_Required work_: Entries follow. Return each line that contains the word "Anodised".

(Collected data)
------
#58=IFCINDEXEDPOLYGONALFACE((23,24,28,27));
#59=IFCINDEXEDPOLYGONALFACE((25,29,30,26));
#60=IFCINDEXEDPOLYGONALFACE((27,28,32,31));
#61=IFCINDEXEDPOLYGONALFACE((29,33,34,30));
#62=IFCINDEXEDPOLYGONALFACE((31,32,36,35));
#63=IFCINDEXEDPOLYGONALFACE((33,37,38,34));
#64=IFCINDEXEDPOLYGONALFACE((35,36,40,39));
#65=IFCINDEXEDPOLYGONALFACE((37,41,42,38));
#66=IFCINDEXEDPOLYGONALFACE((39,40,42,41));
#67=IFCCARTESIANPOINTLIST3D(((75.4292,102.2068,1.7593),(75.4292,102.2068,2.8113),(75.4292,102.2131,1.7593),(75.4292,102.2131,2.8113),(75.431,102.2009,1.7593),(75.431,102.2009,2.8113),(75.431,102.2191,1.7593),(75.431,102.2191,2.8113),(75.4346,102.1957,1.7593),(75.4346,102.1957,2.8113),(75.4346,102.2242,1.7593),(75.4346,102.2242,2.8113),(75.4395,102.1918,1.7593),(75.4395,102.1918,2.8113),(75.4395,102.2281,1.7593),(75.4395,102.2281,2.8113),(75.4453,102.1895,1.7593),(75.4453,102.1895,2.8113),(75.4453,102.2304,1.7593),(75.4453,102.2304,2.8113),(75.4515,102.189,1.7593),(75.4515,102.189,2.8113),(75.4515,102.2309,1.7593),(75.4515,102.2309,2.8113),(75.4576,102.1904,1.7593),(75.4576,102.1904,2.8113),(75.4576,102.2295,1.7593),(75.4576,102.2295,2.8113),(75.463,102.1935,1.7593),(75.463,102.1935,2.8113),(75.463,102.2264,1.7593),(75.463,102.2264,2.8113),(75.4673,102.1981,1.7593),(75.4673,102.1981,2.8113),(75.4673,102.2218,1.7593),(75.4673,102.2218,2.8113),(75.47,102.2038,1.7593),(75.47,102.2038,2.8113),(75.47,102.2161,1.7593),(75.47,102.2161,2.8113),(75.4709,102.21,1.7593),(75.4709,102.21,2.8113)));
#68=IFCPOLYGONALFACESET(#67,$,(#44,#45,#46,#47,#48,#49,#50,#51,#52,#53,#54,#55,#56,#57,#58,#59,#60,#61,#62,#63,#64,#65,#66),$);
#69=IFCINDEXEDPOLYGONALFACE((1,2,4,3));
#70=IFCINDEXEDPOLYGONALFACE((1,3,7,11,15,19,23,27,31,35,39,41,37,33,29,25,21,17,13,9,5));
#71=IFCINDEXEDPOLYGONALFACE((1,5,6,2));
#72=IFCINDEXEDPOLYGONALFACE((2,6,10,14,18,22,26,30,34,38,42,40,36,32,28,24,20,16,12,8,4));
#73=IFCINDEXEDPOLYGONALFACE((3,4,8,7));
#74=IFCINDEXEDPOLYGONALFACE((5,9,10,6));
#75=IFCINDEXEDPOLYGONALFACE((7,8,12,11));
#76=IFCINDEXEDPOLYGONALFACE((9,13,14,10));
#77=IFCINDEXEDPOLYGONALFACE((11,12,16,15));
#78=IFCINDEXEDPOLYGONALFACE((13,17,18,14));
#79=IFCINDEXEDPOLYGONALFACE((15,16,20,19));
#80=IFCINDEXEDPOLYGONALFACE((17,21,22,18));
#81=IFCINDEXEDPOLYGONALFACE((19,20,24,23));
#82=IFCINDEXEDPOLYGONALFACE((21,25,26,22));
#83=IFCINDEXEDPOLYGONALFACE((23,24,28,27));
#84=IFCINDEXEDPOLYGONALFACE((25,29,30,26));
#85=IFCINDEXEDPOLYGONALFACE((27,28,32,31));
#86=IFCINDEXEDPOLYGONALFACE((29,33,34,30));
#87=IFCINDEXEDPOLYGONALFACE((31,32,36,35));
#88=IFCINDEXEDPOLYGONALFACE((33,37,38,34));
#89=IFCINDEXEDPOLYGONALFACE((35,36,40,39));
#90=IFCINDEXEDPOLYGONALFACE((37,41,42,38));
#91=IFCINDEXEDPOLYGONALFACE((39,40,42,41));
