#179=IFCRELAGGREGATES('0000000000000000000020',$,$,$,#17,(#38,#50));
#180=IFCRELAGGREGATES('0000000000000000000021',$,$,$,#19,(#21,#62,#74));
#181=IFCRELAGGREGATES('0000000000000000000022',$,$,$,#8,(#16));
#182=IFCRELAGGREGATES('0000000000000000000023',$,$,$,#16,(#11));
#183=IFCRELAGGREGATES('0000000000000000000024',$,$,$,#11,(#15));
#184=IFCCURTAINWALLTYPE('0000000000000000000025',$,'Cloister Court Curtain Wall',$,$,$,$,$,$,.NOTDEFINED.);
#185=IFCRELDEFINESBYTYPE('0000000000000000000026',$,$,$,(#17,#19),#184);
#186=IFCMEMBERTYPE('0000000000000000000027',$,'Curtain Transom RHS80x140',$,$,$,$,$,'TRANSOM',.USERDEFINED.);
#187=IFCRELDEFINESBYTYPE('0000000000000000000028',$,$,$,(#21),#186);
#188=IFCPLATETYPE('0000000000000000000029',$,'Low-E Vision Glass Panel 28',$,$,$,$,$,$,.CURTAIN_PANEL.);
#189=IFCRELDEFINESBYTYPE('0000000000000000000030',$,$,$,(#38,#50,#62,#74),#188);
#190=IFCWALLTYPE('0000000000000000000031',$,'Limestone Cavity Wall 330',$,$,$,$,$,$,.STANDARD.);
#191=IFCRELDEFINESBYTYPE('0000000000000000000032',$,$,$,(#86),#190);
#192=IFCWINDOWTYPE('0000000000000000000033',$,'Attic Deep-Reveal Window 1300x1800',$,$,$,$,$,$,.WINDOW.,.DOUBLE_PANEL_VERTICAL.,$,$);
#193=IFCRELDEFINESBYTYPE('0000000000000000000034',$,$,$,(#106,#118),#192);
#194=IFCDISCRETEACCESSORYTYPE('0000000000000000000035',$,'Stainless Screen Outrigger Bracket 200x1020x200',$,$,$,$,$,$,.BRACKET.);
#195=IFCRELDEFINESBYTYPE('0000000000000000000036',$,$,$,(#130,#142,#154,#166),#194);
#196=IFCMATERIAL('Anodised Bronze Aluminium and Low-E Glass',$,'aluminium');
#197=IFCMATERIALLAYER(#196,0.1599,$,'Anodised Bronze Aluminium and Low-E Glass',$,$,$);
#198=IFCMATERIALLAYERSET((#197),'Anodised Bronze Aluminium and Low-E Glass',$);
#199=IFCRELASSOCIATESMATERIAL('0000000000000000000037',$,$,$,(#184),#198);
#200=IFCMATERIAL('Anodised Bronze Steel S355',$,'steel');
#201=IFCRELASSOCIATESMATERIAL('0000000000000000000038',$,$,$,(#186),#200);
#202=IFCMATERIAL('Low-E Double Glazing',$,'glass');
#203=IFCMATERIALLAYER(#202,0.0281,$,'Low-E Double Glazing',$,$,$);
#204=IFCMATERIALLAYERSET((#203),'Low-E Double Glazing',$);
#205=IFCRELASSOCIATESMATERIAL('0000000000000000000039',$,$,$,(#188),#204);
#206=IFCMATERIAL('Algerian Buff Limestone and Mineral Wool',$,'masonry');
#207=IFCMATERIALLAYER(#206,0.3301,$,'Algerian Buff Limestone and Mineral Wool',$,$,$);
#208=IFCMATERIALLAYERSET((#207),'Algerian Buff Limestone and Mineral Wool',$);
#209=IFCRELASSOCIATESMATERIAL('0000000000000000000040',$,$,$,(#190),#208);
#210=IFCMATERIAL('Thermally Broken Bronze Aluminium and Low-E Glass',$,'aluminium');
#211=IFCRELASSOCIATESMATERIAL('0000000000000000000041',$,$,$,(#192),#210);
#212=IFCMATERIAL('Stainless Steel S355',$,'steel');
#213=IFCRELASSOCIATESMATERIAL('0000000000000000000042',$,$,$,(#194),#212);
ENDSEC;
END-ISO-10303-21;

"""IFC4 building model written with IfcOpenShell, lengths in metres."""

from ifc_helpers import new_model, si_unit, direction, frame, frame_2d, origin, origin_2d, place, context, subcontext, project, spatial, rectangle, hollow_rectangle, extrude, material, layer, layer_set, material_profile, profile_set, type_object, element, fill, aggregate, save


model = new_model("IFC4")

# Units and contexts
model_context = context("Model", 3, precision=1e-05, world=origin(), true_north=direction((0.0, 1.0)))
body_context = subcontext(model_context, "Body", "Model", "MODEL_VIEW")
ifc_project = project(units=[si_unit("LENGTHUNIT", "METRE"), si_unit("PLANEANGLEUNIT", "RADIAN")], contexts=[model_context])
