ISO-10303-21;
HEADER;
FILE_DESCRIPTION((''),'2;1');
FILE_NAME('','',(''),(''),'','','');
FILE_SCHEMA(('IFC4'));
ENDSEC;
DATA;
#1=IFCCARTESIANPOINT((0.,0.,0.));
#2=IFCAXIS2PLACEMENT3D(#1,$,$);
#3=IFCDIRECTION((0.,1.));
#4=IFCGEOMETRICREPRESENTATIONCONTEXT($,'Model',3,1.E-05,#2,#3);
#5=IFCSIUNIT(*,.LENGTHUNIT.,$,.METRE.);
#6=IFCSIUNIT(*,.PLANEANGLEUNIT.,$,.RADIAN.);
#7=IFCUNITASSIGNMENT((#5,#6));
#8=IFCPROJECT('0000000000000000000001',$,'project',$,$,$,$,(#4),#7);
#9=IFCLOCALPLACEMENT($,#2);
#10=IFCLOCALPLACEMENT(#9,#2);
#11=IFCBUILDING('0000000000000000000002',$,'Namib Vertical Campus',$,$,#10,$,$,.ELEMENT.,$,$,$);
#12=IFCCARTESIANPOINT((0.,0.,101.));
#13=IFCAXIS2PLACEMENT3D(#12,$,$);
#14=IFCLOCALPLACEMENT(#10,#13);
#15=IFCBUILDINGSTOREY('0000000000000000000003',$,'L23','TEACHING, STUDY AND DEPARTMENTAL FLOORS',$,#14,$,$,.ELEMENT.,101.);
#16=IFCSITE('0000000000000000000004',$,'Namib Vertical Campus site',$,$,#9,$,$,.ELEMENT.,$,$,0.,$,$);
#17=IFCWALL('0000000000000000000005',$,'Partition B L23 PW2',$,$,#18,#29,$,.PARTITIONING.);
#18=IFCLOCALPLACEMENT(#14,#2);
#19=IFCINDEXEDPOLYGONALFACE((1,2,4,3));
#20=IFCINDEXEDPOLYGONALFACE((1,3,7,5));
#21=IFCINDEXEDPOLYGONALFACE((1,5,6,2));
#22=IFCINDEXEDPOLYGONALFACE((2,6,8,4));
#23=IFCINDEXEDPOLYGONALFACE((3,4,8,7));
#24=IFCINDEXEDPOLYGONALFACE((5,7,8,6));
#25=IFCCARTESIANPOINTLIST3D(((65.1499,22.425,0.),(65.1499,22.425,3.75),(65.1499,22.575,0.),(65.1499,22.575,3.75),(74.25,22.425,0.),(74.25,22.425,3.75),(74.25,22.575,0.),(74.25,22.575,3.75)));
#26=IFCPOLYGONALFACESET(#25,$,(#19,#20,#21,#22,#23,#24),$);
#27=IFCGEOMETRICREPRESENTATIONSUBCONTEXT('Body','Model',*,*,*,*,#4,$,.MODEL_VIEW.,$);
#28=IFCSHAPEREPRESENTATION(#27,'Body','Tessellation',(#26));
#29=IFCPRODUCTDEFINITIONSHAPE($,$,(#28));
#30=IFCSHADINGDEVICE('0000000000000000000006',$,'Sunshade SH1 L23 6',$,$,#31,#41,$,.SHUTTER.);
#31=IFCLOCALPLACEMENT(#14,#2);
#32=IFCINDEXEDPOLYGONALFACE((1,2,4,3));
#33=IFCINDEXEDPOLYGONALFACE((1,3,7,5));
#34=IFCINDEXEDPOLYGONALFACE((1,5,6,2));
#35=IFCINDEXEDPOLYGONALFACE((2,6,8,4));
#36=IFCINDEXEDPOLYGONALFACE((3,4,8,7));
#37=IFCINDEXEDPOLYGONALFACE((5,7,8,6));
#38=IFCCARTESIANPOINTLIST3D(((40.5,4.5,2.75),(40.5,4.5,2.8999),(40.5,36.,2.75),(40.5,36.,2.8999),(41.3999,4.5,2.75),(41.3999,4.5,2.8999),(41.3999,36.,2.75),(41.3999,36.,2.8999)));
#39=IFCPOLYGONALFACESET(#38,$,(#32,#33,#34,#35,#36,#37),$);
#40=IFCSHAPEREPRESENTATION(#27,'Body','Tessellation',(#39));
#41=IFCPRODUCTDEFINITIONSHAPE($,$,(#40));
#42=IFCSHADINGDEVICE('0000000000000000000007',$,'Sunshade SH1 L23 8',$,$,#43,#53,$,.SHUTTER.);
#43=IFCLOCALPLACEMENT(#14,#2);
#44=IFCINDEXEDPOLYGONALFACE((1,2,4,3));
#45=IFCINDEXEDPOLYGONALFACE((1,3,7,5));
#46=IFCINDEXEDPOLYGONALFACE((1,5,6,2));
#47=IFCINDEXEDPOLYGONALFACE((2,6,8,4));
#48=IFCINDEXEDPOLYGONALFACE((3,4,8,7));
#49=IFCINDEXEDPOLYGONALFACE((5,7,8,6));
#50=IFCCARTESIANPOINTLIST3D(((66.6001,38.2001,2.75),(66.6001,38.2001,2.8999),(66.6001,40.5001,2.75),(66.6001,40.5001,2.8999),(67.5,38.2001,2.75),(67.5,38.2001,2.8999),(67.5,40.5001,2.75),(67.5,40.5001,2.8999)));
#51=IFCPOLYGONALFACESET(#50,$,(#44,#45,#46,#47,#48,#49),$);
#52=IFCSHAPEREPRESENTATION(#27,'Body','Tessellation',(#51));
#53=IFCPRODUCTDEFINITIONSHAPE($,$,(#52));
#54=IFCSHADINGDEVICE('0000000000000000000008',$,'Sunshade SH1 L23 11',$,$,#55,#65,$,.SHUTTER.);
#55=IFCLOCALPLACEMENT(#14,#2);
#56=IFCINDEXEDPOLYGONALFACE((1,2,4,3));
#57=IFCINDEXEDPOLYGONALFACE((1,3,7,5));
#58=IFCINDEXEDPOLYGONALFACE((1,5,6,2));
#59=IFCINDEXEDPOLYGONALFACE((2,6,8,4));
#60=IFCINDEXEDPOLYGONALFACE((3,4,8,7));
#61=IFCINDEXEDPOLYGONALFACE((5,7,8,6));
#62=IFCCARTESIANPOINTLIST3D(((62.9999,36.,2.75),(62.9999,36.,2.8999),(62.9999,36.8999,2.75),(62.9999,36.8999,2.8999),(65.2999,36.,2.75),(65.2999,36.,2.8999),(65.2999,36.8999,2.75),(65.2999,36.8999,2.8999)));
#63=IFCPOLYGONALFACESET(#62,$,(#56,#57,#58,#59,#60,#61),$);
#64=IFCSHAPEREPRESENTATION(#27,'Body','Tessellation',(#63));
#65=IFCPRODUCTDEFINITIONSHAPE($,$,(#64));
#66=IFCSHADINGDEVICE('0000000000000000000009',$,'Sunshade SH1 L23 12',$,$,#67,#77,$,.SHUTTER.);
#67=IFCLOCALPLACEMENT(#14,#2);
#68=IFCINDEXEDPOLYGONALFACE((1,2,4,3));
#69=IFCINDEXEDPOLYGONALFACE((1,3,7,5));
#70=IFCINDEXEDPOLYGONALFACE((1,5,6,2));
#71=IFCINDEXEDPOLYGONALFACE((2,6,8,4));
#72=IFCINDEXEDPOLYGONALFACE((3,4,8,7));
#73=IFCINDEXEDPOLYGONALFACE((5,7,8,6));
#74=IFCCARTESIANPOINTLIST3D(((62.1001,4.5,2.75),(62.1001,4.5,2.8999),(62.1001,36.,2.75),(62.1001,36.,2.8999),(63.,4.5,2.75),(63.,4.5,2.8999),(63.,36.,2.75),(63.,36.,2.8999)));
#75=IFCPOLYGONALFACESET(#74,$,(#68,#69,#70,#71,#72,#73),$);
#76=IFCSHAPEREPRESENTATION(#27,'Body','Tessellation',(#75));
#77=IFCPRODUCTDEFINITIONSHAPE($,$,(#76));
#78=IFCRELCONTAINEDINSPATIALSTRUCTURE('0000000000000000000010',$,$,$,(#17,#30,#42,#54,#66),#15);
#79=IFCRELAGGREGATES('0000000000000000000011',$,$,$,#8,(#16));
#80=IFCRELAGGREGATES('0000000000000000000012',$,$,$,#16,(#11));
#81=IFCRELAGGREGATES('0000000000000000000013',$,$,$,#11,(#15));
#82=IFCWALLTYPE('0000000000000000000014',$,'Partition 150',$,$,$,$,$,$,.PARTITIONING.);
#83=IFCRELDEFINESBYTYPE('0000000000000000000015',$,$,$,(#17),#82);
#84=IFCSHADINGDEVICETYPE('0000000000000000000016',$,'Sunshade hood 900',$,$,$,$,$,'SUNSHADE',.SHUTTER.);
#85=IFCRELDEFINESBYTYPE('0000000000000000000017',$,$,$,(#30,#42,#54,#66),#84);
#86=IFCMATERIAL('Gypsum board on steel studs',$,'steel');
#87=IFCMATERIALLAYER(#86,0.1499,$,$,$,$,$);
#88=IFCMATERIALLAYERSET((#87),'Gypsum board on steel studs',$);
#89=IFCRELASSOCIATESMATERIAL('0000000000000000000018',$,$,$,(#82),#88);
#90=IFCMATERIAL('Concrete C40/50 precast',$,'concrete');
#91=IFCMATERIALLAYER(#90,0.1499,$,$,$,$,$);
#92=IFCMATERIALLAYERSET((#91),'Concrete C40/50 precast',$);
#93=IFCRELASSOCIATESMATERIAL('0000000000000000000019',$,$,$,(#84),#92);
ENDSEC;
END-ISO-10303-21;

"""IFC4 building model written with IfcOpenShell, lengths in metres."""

from ifc_helpers import new_model, si_unit, direction, frame, frame_2d, origin, origin_2d, place, context, subcontext, project, spatial, rectangle, extrude, material, layer, layer_set, type_object, element, save


model = new_model("IFC4")

# Units and contexts
model_context = context("Model", 3, precision=1e-05, world=origin(), true_north=direction((0.0, 1.0)))
body_context = subcontext(model_context, "Body", "Model", "MODEL_VIEW")
ifc_project = project(units=[si_unit("LENGTHUNIT", "METRE"), si_unit("PLANEANGLEUNIT", "RADIAN")], contexts=[model_context])

# Site, building, storey
site_placement = place(None, origin())
site = spatial("IfcSite", under=ifc_project, at=site_placement, Name="Namib Vertical Campus site", CompositionType="ELEMENT", RefElevation=0.0)
building_placement = place(site_placement, origin())
building = spatial("IfcBuilding", under=site, at=building_placement, Name="Namib Vertical Campus", CompositionType="ELEMENT")
storey_placement = place(building_placement, frame((0.0, 0.0, 101.0)))
storey = spatial("IfcBuildingStorey", under=building, at=storey_placement, Name="L23", Description="TEACHING, STUDY AND DEPARTMENTAL FLOORS", CompositionType="ELEMENT", Elevation=101.0)

# Wall
ifc_material_1 = material(Name="Gypsum board on steel studs", Category="steel")
ifc_layer_1 = layer(ifc_material_1, 0.1499)
ifc_layer_set_1 = layer_set([ifc_layer_1], Name="Gypsum board on steel studs")
wall_type_1 = type_object("IfcWallType", Name="Partition 150", PredefinedType="PARTITIONING", material=ifc_layer_set_1)
wall_1_placement = place(storey_placement, frame((65.1499, 22.5, 0.0), z_axis=(0.0, 0.0, 1.0), x_axis=(1.0, 0.0, 0.0)))
element("IfcWall", 1, at=wall_1_placement, inside=storey, type_object=wall_type_1, Name="Partition B L23 PW2", PredefinedType="PARTITIONING", context=body_context, shape_type="SweptSolid", body=[
    extrude(rectangle(XDim=9.1001, YDim=0.1499, at=frame_2d((4.55, 0.0))), origin(), (0.0, 0.0, 1.0), 3.75),
])

# Shading devices
ifc_material_2 = material(Name="Concrete C40/50 precast", Category="concrete")
ifc_layer_2 = layer(ifc_material_2, 0.1499)
ifc_layer_set_2 = layer_set([ifc_layer_2], Name="Concrete C40/50 precast")
shading_device_type = type_object("IfcShadingDeviceType", Name="Sunshade hood 900", ElementType="SUNSHADE", PredefinedType="SHUTTER", material=ifc_layer_set_2)
shading_device_1_placement = place(storey_placement, frame((40.95, 20.25, 2.75), z_axis=(0.0, 0.0, 1.0), x_axis=(0.0, 1.0, 0.0)))
element("IfcShadingDevice", 2, at=shading_device_1_placement, inside=storey, type_object=shading_device_type, Name="Sunshade SH1 L23 6", PredefinedType="SHUTTER", context=body_context, shape_type="SweptSolid", body=[
    extrude(rectangle(XDim=31.5, YDim=0.8999, at=origin_2d()), origin(), (0.0, 0.0, 1.0), 0.1499),
])
for number, where, z_axis, x_axis, name in (
    (3, (67.05, 39.3501, 2.75), (0.0, 0.0, 1.0), (0.0, -1.0, 0.0), "Sunshade SH1 L23 8"),
    (4, (64.1499, 36.45, 2.75), (0.0, 0.0, 1.0), (-1.0, 0.0, 0.0), "Sunshade SH1 L23 11"),
):
    element("IfcShadingDevice", number, at=place(storey_placement, frame(where, z_axis=z_axis, x_axis=x_axis)), inside=storey, type_object=shading_device_type, Name=name, PredefinedType="SHUTTER", context=body_context, shape_type="SweptSolid", body=[
        extrude(rectangle(XDim=2.3, YDim=0.8999, at=origin_2d()), origin(), (0.0, 0.0, 1.0), 0.1499),
    ])
shading_device_2_placement = place(storey_placement, frame((62.55, 20.25, 2.75), z_axis=(0.0, 0.0, 1.0), x_axis=(0.0, -1.0, 0.0)))
element("IfcShadingDevice", 5, at=shading_device_2_placement, inside=storey, type_object=shading_device_type, Name="Sunshade SH1 L23 12", PredefinedType="SHUTTER", context=body_context, shape_type="SweptSolid", body=[
    extrude(rectangle(XDim=31.5, YDim=0.8999, at=origin_2d()), origin(), (0.0, 0.0, 1.0), 0.1499),
])

save(model, "model.ifc")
------
_Answer to this task_:
#196=IFCMATERIAL('Anodised Bronze Aluminium and Low-E Glass',$,'aluminium');
#197=IFCMATERIALLAYER(#196,0.1599,$,'Anodised Bronze Aluminium and Low-E Glass',$,$,$);
#198=IFCMATERIALLAYERSET((#197),'Anodised Bronze Aluminium and Low-E Glass',$);
#200=IFCMATERIAL('Anodised Bronze Steel S355',$,'steel');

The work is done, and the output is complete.